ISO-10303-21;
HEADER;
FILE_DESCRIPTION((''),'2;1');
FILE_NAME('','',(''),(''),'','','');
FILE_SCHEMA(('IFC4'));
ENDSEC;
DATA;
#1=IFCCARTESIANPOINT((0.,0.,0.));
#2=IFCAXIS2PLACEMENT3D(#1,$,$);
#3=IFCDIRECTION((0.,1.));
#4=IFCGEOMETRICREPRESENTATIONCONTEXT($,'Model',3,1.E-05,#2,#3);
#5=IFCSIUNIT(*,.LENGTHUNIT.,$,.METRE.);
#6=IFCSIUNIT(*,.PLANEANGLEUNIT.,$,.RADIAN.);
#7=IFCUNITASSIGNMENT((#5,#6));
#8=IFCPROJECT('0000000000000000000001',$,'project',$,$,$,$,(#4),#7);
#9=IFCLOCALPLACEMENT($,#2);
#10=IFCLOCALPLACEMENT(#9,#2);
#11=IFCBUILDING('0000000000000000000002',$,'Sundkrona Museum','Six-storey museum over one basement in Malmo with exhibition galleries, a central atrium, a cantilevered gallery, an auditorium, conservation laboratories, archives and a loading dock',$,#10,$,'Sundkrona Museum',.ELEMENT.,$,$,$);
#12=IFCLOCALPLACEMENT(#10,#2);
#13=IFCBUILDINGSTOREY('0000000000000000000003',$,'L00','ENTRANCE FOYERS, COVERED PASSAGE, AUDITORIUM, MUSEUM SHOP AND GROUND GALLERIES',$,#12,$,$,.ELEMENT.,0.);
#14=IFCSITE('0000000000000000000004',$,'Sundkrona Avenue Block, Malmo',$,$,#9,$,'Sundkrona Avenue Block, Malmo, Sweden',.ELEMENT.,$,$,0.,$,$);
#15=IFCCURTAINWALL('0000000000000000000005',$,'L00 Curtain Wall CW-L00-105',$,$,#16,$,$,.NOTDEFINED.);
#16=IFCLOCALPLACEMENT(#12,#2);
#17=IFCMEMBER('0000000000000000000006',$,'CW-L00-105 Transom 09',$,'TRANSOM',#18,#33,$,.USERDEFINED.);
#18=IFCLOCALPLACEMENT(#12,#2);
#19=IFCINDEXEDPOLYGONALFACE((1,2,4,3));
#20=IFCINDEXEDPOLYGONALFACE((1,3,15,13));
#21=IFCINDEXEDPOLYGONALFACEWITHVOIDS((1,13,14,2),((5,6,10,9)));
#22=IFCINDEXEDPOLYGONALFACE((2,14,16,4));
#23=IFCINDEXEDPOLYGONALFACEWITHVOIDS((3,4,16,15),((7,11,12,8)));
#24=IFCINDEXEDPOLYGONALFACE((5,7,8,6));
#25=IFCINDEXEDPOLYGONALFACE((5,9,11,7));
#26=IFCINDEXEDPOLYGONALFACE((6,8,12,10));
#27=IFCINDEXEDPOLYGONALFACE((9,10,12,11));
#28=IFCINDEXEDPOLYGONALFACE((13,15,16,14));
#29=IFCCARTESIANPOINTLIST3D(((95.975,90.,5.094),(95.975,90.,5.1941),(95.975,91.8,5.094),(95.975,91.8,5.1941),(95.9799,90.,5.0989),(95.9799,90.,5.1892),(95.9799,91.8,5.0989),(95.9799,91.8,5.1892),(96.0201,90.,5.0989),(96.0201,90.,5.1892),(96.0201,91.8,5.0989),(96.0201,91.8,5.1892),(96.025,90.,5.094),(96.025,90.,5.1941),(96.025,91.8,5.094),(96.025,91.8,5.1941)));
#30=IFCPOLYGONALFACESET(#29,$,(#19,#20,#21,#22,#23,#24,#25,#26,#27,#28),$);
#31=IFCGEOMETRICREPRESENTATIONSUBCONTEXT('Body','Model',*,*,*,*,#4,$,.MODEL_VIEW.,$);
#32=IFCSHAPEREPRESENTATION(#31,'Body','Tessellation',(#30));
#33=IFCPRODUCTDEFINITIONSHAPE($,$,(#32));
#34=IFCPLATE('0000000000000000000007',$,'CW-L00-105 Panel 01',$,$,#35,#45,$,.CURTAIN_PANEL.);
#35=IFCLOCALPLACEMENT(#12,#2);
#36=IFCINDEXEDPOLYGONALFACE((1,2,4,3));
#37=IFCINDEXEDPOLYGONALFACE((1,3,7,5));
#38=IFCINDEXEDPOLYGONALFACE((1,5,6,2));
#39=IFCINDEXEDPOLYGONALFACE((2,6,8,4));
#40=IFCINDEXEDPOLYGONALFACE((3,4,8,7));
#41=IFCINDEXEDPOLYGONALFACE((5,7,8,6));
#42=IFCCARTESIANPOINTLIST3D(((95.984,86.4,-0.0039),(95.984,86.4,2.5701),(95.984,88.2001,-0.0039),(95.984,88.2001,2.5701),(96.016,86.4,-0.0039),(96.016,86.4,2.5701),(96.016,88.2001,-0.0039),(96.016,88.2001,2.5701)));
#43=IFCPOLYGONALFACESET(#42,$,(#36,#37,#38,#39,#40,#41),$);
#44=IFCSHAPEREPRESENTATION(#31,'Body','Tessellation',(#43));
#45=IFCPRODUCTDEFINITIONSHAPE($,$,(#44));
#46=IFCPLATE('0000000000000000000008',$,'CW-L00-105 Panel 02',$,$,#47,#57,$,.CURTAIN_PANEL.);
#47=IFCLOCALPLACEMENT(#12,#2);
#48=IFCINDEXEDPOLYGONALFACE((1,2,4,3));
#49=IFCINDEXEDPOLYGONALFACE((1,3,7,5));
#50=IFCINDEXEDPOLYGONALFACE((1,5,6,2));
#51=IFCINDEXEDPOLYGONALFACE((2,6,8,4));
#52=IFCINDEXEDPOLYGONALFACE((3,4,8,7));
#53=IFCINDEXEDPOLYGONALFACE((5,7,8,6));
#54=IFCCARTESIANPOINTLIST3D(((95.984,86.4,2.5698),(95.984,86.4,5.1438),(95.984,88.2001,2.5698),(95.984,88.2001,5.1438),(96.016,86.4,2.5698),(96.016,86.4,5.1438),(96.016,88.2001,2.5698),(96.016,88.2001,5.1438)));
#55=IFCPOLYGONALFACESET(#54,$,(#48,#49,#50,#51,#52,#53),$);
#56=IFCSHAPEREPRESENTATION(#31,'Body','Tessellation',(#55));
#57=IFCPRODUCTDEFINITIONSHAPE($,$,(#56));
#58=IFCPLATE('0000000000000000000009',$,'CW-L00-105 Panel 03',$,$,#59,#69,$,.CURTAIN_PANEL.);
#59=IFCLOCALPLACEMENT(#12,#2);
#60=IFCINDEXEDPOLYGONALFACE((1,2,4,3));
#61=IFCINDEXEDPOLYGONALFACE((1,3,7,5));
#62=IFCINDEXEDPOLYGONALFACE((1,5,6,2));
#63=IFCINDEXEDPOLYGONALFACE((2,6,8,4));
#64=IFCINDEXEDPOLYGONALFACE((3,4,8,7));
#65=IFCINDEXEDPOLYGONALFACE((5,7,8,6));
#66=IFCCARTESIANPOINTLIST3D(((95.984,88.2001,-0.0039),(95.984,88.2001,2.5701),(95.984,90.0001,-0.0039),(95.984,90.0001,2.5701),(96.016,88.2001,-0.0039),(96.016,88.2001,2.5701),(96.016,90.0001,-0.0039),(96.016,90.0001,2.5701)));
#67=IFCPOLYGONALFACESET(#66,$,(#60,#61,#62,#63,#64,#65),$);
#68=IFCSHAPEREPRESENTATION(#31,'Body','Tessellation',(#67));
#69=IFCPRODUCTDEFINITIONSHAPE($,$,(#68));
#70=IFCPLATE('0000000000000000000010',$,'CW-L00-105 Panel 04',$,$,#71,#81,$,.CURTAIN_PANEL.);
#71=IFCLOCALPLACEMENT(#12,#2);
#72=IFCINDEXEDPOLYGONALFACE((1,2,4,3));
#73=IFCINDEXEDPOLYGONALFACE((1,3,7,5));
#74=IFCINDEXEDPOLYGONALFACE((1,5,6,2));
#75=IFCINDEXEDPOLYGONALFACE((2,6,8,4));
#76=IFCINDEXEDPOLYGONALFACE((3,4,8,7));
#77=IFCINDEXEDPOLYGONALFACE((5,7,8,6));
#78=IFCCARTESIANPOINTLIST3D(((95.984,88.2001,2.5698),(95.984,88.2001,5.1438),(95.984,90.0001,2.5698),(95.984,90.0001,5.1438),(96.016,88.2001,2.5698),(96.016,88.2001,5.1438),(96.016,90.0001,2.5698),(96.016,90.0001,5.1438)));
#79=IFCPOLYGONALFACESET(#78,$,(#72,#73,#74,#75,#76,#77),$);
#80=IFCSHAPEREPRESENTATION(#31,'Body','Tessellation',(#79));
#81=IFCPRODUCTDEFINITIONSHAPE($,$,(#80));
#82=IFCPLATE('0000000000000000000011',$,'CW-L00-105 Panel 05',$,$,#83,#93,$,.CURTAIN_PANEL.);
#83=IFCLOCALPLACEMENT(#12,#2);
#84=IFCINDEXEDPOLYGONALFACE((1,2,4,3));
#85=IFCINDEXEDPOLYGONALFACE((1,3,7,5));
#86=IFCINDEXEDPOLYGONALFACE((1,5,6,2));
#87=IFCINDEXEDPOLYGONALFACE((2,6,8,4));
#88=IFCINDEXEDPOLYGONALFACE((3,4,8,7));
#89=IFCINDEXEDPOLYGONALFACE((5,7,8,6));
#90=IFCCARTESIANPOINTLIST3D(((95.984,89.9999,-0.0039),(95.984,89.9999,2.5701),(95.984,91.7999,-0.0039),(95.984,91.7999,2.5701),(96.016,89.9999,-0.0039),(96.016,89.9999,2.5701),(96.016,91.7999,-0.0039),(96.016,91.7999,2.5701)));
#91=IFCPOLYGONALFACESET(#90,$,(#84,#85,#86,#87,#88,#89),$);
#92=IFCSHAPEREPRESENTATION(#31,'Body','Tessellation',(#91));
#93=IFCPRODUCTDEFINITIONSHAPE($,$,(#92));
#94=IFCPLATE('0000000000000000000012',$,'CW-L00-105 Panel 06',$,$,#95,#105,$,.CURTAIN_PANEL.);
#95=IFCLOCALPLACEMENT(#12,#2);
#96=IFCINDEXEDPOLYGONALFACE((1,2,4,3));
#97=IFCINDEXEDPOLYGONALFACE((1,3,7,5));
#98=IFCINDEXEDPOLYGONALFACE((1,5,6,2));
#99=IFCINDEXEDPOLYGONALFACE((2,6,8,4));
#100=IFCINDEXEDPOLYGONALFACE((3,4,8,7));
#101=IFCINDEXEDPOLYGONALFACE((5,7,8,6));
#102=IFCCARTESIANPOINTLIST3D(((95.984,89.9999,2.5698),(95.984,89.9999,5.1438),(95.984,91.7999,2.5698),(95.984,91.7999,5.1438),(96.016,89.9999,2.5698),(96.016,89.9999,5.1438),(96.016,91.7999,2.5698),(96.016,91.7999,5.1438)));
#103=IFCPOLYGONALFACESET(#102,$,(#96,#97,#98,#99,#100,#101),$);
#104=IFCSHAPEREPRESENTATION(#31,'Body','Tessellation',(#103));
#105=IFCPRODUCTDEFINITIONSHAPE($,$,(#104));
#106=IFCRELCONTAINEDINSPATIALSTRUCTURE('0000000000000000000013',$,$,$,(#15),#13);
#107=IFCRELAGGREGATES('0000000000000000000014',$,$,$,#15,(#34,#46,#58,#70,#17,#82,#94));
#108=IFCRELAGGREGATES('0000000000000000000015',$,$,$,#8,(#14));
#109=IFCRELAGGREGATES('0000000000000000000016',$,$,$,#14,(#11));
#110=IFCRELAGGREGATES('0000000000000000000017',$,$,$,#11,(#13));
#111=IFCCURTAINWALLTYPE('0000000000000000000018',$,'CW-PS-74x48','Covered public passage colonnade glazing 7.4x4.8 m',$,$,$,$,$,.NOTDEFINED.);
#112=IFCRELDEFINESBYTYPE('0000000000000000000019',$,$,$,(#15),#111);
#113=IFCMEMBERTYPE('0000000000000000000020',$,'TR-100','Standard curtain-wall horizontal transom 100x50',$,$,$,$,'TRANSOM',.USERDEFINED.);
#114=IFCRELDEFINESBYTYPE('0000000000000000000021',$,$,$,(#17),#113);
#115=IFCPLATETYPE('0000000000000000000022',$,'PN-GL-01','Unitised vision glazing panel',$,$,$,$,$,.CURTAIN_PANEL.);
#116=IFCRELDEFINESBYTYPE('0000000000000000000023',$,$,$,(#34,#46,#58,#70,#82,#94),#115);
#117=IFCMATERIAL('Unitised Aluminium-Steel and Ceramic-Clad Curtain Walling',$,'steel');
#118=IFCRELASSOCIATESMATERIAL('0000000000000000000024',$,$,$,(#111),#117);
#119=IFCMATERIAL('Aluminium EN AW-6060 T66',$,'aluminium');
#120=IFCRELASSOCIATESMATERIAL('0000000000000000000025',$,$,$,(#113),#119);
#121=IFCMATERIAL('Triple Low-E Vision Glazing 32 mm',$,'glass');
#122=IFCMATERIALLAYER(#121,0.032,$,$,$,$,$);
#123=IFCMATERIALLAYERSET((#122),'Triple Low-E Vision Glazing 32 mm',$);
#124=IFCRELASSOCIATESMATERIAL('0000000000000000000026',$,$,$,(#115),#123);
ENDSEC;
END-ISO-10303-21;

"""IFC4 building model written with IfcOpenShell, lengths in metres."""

from ifc_helpers import new_model, si_unit, direction, frame, origin, origin_2d, place, context, subcontext, project, spatial, rectangle, hollow_rectangle, extrude, material, layer, layer_set, material_profile, profile_set, type_object, element, aggregate, save


model = new_model("IFC4")

# Units and contexts
model_context = context("Model", 3, precision=1e-05, world=origin(), true_north=direction((0.0, 1.0)))
body_context = subcontext(model_context, "Body", "Model", "MODEL_VIEW")
ifc_project = project(units=[si_unit("LENGTHUNIT", "METRE"), si_unit("PLANEANGLEUNIT", "RADIAN")], contexts=[model_context])

# Site, building, storey
site_placement = place(None, origin())
site = spatial("IfcSite", under=ifc_project, at=site_placement, Name="Sundkrona Avenue Block, Malmo", LongName="Sundkrona Avenue Block, Malmo, Sweden", CompositionType="ELEMENT", RefElevation=0.0)
building_placement = place(site_placement, origin())
building = spatial("IfcBuilding", under=site, at=building_placement, Name="Sundkrona Museum", Description="Six-storey museum over one basement in Malmo with exhibition galleries, a central atrium, a cantilevered gallery, an auditorium, conservation laboratories, archives and a loading dock", LongName="Sundkrona Museum", CompositionType="ELEMENT")
storey_placement = place(building_placement, origin())
storey = spatial("IfcBuildingStorey", under=building, at=storey_placement, Name="L00", Description="ENTRANCE FOYERS, COVERED PASSAGE, AUDITORIUM, MUSEUM SHOP AND GROUND GALLERIES", CompositionType="ELEMENT", Elevation=0.0)

# Curtain wall, member, plates
ifc_material_1 = material(Name="Unitised Aluminium-Steel and Ceramic-Clad Curtain Walling", Category="steel")
curtain_wall_type = type_object("IfcCurtainWallType", Name="CW-PS-74x48", Description="Covered public passage colonnade glazing 7.4x4.8 m", PredefinedType="NOTDEFINED", material=ifc_material_1)
curtain_wall_placement = place(storey_placement, origin())
curtain_wall = element("IfcCurtainWall", 1, at=curtain_wall_placement, inside=storey, type_object=curtain_wall_type, Name="L00 Curtain Wall CW-L00-105", PredefinedType="NOTDEFINED")
ifc_material_2 = material(Name="Aluminium EN AW-6060 T66", Category="aluminium")
ifc_material_profile_1 = material_profile(ifc_material_2, hollow_rectangle(XDim=0.05, YDim=0.1001, WallThickness=0.0049, at=origin_2d()), Name="RHS 100x50x5.0")
ifc_profile_set_1 = profile_set([ifc_material_profile_1], Name="Aluminium EN AW-6060 T66")
member_type_1 = type_object("IfcMemberType", Name="TR-100", Description="Standard curtain-wall horizontal transom 100x50", ElementType="TRANSOM", PredefinedType="USERDEFINED", material=ifc_profile_set_1)
member_1_placement = place(storey_placement, frame((96.0, 90.0, 5.144), z_axis=(0.0, 1.0, 0.0), x_axis=(-1.0, 0.0, 0.0)))
member_1 = element("IfcMember", 2, at=member_1_placement, type_object=member_type_1, Name="CW-L00-105 Transom 09", ObjectType="TRANSOM", PredefinedType="USERDEFINED", context=body_context, shape_type="SweptSolid", body=[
====================
* About this exercise: Each line from the top of the material above through the line containing "#7=IFCUNITASSIGNMENT((#5,#6));" must be output exactly, and no other line.

* Your response:
ISO-10303-21;
HEADER;
FILE_DESCRIPTION((''),'2;1');
FILE_NAME('','',(''),(''),'','','');
FILE_SCHEMA(('IFC4'));
ENDSEC;
DATA;
#1=IFCCARTESIANPOINT((0.,0.,0.));
#2=IFCAXIS2PLACEMENT3D(#1,$,$);
#3=IFCDIRECTION((0.,1.));
#4=IFCGEOMETRICREPRESENTATIONCONTEXT($,'Model',3,1.E-05,#2,#3);
#5=IFCSIUNIT(*,.LENGTHUNIT.,$,.METRE.);
#6=IFCSIUNIT(*,.PLANEANGLEUNIT.,$,.RADIAN.);
#7=IFCUNITASSIGNMENT((#5,#6));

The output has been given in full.